(EXERCISE MATERIAL begins)
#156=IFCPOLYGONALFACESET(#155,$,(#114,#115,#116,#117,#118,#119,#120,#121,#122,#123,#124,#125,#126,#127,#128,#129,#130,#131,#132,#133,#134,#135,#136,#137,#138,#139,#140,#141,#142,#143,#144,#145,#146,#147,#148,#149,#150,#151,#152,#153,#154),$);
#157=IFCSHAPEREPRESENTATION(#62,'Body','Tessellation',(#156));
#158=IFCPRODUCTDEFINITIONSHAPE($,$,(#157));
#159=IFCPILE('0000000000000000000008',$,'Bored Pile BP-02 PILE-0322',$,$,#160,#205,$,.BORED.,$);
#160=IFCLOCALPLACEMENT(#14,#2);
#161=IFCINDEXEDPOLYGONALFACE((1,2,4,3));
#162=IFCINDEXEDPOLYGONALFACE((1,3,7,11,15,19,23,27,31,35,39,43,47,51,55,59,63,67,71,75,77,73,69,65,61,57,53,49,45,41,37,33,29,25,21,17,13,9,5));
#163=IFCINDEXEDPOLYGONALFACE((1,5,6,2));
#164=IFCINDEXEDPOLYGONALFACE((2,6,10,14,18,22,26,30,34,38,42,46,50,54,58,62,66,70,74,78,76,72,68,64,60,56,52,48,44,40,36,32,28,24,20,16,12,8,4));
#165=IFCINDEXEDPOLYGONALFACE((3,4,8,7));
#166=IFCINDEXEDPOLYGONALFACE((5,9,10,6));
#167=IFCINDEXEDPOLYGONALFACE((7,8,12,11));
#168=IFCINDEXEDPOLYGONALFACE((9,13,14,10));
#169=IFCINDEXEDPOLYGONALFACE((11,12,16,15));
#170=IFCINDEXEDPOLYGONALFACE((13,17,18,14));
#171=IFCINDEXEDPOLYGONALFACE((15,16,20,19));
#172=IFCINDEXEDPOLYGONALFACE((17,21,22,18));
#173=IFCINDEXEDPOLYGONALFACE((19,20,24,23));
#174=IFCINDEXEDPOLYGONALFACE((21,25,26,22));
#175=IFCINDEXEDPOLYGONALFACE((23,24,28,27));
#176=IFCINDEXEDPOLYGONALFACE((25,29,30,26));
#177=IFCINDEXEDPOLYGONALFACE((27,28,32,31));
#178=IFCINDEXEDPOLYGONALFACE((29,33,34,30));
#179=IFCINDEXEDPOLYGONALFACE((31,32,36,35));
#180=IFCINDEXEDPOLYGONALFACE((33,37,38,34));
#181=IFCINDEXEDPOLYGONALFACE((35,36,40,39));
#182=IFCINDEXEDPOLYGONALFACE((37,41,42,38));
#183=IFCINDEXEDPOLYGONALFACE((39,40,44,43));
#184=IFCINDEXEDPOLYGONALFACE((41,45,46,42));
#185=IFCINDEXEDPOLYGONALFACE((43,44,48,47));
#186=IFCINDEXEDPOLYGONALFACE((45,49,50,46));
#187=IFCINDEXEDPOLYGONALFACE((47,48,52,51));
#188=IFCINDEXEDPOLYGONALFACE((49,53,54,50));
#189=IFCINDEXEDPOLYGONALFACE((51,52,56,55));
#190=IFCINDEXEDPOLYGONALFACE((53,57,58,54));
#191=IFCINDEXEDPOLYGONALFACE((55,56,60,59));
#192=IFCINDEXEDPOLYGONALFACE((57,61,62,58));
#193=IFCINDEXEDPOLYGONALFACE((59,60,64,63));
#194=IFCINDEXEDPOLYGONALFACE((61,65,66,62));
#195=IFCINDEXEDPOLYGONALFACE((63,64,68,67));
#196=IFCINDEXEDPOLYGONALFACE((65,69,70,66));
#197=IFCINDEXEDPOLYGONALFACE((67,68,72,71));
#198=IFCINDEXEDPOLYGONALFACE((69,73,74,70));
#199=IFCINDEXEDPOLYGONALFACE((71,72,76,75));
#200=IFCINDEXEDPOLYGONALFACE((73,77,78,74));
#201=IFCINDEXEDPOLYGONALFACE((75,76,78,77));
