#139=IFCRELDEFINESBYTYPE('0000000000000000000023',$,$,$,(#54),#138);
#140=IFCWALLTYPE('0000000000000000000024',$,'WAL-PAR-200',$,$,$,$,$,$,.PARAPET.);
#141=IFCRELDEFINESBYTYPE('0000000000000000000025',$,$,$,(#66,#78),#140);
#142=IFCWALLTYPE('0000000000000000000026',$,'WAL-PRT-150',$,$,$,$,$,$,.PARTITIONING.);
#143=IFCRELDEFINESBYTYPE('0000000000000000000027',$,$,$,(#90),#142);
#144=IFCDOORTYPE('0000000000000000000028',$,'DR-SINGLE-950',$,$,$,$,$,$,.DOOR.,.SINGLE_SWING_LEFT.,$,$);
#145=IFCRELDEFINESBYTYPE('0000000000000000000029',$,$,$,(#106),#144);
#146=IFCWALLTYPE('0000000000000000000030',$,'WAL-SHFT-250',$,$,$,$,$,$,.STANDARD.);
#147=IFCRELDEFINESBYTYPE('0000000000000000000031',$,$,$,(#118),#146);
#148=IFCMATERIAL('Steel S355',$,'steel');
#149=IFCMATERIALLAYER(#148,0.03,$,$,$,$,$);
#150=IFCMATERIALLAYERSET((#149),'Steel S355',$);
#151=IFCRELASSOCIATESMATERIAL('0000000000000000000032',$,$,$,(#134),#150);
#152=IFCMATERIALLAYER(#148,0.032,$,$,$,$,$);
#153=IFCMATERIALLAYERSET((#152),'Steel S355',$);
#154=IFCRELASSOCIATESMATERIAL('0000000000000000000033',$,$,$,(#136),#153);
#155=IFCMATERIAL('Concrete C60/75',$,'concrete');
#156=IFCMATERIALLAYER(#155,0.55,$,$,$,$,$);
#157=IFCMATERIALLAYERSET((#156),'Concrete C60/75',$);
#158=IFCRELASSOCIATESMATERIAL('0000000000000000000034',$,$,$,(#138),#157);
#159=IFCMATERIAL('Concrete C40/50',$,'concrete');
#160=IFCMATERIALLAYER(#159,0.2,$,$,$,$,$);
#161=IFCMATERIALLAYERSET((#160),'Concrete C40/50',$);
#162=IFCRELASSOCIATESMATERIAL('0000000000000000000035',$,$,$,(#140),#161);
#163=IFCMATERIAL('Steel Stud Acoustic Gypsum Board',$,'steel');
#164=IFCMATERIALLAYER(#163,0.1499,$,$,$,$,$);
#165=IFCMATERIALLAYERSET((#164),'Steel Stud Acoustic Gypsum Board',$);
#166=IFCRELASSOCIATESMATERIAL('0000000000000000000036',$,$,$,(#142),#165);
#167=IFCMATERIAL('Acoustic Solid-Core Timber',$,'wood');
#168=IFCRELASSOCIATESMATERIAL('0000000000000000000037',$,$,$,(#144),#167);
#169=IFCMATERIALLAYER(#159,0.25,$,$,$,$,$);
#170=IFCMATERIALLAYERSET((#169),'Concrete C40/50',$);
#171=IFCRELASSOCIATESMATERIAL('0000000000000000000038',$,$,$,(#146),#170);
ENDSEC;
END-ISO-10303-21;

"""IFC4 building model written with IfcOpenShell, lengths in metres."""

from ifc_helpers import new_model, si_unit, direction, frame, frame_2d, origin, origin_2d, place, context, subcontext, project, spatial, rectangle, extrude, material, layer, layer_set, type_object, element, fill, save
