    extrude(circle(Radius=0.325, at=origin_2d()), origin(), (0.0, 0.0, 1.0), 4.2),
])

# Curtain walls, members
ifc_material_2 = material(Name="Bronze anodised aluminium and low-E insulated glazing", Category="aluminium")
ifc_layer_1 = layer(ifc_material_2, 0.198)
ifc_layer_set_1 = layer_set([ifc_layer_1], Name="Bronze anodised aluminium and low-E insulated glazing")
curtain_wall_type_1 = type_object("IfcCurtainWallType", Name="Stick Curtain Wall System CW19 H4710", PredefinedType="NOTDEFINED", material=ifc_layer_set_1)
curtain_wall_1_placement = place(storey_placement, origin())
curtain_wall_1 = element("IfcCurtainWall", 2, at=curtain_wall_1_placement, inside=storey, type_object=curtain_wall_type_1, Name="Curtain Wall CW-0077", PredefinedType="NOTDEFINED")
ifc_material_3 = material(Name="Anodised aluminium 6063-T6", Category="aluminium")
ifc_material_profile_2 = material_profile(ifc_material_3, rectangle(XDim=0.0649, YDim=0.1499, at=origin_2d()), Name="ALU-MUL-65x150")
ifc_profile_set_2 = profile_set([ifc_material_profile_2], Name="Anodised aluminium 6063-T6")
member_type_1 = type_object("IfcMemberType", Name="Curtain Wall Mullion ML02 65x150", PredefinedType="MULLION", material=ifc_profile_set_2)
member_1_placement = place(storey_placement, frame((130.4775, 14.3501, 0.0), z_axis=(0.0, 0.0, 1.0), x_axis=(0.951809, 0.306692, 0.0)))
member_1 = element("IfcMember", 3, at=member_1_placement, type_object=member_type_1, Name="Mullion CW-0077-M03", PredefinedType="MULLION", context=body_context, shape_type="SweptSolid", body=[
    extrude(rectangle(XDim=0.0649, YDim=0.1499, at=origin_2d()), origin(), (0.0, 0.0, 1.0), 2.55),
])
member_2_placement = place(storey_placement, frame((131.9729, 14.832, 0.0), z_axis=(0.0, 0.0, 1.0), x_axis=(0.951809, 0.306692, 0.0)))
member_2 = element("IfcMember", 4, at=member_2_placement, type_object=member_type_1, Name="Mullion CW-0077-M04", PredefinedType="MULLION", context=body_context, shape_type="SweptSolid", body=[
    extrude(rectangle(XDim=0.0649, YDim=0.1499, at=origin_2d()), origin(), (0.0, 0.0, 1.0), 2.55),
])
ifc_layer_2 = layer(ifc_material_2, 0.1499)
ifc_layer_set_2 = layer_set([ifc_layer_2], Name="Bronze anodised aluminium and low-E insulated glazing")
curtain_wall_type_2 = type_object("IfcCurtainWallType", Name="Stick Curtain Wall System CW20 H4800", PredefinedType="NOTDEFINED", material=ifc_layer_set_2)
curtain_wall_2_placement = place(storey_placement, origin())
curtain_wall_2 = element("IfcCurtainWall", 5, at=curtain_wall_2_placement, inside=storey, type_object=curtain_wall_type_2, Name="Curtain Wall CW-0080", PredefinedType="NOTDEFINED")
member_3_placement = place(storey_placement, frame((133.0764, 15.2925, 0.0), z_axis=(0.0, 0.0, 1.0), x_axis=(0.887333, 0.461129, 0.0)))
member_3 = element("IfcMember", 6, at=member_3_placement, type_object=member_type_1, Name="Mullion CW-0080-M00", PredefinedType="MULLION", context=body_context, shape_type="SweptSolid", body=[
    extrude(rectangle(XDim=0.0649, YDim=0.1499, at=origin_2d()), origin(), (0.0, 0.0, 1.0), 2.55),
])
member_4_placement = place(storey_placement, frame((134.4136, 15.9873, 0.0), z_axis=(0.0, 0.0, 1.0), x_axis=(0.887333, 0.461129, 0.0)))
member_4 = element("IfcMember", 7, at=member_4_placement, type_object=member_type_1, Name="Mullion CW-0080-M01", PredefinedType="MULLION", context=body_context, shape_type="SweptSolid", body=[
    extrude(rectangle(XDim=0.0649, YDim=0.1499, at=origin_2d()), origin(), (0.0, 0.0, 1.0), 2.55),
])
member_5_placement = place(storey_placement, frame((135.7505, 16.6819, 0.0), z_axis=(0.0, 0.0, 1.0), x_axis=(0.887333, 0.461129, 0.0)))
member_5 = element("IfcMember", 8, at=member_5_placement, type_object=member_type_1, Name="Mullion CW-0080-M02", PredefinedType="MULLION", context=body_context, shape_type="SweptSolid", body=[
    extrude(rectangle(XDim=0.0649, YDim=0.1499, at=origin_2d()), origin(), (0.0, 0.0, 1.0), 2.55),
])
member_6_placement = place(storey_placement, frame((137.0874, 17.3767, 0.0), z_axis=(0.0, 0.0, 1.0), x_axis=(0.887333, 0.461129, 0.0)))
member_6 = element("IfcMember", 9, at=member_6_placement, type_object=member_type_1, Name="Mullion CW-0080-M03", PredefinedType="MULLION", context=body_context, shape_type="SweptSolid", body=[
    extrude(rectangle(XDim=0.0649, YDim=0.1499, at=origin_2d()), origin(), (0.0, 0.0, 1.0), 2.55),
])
(EXERCISE MATERIAL ends)
**WORK ITEM:**
After locating the line that contains "#181=IFCINDEXEDPOLYGONALFACE((35,36,40,39));", please copy exactly every line from the start of the records through it, and nothing else.

**SOLVED PROBLEM:**
#156=IFCPOLYGONALFACESET(#155,$,(#114,#115,#116,#117,#118,#119,#120,#121,#122,#123,#124,#125,#126,#127,#128,#129,#130,#131,#132,#133,#134,#135,#136,#137,#138,#139,#140,#141,#142,#143,#144,#145,#146,#147,#148,#149,#150,#151,#152,#153,#154),$);
#157=IFCSHAPEREPRESENTATION(#62,'Body','Tessellation',(#156));
#158=IFCPRODUCTDEFINITIONSHAPE($,$,(#157));
#159=IFCPILE('0000000000000000000008',$,'Bored Pile BP-02 PILE-0322',$,$,#160,#205,$,.BORED.,$);
#160=IFCLOCALPLACEMENT(#14,#2);
#161=IFCINDEXEDPOLYGONALFACE((1,2,4,3));
#162=IFCINDEXEDPOLYGONALFACE((1,3,7,11,15,19,23,27,31,35,39,43,47,51,55,59,63,67,71,75,77,73,69,65,61,57,53,49,45,41,37,33,29,25,21,17,13,9,5));
#163=IFCINDEXEDPOLYGONALFACE((1,5,6,2));
#164=IFCINDEXEDPOLYGONALFACE((2,6,10,14,18,22,26,30,34,38,42,46,50,54,58,62,66,70,74,78,76,72,68,64,60,56,52,48,44,40,36,32,28,24,20,16,12,8,4));
#165=IFCINDEXEDPOLYGONALFACE((3,4,8,7));
#166=IFCINDEXEDPOLYGONALFACE((5,9,10,6));
#167=IFCINDEXEDPOLYGONALFACE((7,8,12,11));
#168=IFCINDEXEDPOLYGONALFACE((9,13,14,10));
#169=IFCINDEXEDPOLYGONALFACE((11,12,16,15));
#170=IFCINDEXEDPOLYGONALFACE((13,17,18,14));
#171=IFCINDEXEDPOLYGONALFACE((15,16,20,19));
#172=IFCINDEXEDPOLYGONALFACE((17,21,22,18));
#173=IFCINDEXEDPOLYGONALFACE((19,20,24,23));
#174=IFCINDEXEDPOLYGONALFACE((21,25,26,22));
#175=IFCINDEXEDPOLYGONALFACE((23,24,28,27));
#176=IFCINDEXEDPOLYGONALFACE((25,29,30,26));
#177=IFCINDEXEDPOLYGONALFACE((27,28,32,31));
#178=IFCINDEXEDPOLYGONALFACE((29,33,34,30));
#179=IFCINDEXEDPOLYGONALFACE((31,32,36,35));
#180=IFCINDEXEDPOLYGONALFACE((33,37,38,34));
#181=IFCINDEXEDPOLYGONALFACE((35,36,40,39));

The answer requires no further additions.